— Exercise brief —
Below are the records. Gather each line that holds "IfcRelVoidsElement".

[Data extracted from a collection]
____________________
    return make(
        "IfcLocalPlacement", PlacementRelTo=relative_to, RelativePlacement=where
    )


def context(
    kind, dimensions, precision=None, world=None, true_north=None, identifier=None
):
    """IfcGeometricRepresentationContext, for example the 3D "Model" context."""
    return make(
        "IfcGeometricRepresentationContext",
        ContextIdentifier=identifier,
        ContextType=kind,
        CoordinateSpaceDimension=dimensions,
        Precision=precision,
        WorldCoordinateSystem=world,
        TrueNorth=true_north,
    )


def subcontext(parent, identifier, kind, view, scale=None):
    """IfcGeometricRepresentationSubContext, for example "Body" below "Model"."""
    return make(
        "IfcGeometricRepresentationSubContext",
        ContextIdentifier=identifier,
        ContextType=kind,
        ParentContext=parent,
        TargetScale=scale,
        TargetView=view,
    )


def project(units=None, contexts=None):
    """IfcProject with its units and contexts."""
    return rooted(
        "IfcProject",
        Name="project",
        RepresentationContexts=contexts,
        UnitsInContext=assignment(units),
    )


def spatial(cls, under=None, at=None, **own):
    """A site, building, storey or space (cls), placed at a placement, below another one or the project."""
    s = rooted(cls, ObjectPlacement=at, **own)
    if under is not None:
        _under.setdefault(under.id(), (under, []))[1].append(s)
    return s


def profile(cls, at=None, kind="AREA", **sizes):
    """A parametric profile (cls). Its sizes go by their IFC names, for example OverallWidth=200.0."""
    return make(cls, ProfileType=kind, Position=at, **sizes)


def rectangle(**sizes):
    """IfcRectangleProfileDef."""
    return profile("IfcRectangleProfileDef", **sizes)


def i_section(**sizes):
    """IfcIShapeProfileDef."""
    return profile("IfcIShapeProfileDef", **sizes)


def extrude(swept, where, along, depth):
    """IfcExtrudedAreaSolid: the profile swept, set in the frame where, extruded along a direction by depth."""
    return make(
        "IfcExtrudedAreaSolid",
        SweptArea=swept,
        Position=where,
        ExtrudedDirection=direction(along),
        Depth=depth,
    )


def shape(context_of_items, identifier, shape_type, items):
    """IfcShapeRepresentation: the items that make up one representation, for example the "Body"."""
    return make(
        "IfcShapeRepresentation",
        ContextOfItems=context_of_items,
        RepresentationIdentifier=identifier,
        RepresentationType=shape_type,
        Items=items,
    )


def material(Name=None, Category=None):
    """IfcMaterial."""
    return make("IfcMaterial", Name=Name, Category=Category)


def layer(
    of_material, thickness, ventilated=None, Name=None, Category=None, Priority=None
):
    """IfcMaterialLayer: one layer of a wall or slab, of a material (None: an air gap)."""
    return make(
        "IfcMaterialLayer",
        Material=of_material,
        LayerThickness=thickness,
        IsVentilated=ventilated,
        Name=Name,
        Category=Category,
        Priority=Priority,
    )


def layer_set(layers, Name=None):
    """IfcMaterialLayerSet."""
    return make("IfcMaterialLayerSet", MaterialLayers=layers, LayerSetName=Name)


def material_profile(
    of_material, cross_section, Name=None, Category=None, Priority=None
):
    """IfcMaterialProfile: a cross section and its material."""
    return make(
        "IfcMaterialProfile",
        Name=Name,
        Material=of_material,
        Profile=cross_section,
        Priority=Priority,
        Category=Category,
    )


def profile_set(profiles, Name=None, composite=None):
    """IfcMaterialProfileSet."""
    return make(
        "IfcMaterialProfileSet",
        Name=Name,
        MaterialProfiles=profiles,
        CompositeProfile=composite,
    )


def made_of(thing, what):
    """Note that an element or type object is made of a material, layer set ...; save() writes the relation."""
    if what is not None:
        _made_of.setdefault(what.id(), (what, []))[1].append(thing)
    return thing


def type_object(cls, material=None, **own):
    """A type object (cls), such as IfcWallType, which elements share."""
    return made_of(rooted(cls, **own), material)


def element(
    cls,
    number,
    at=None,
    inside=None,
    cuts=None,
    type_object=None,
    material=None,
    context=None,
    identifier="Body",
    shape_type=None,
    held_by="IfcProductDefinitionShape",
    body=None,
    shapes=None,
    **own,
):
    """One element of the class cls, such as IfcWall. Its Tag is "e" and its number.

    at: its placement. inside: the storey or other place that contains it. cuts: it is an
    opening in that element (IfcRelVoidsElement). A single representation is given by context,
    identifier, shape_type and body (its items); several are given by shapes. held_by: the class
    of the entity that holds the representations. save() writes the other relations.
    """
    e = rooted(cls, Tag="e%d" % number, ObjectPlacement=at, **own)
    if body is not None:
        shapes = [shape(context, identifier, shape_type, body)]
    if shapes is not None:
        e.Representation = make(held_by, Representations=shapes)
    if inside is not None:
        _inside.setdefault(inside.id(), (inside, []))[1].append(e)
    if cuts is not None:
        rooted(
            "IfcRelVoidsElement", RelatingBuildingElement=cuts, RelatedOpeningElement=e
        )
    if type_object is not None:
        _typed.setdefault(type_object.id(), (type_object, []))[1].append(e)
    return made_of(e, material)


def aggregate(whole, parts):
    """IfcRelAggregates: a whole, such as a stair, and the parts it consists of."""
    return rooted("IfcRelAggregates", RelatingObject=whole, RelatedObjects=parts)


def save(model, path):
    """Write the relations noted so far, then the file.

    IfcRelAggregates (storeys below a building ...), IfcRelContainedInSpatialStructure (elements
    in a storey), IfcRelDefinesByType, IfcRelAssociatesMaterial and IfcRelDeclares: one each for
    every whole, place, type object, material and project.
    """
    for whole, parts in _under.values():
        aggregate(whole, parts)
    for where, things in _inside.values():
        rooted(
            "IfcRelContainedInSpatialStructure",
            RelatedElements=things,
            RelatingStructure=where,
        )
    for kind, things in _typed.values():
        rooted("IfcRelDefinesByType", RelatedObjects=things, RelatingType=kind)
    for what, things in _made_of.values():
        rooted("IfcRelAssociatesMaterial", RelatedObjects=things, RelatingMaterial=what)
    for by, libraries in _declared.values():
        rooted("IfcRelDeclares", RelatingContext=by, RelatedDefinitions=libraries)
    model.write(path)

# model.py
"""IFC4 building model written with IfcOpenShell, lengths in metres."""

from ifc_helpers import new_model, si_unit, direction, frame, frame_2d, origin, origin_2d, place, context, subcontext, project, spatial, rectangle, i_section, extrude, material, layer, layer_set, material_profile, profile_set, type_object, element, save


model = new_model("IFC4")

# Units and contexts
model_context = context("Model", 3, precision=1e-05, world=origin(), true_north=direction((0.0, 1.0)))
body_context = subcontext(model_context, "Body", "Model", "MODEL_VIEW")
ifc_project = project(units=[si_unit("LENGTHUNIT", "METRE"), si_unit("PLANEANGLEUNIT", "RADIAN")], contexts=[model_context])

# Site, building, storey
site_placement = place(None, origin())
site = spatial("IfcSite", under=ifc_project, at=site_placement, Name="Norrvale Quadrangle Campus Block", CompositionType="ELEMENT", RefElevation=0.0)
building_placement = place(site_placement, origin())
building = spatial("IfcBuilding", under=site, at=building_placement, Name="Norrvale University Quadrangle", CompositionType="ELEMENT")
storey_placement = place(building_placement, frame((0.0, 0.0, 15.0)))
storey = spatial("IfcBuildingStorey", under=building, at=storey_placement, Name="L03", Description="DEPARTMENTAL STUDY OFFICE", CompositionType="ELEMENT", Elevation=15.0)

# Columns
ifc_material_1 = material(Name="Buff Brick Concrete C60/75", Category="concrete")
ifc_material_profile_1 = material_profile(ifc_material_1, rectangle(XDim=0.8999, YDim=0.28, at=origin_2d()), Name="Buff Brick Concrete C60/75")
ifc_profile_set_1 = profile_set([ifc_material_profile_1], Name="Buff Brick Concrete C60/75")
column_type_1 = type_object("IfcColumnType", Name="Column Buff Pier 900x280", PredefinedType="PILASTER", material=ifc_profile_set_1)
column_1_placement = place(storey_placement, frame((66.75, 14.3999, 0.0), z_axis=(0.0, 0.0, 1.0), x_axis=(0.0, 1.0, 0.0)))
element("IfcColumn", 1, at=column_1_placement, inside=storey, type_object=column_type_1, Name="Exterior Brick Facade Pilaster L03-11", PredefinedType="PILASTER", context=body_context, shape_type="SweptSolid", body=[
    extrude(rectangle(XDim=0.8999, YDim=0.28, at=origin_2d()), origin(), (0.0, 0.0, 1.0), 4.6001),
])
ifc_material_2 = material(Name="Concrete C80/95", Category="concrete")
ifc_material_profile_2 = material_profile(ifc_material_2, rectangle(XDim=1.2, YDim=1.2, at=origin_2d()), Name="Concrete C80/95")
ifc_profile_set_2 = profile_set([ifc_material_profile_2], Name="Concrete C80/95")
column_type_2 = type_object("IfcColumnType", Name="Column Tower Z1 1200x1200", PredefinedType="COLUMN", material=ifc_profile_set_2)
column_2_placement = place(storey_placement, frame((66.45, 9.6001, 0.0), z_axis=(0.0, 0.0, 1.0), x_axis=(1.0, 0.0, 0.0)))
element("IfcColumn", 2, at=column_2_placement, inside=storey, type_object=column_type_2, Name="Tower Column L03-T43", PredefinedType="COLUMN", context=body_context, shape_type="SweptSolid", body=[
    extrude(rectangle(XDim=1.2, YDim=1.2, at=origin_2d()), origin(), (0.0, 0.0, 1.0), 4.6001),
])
____________________
— Task response —
    opening in that element (IfcRelVoidsElement). A single representation is given by context,
            "IfcRelVoidsElement", RelatingBuildingElement=cuts, RelatedOpeningElement=e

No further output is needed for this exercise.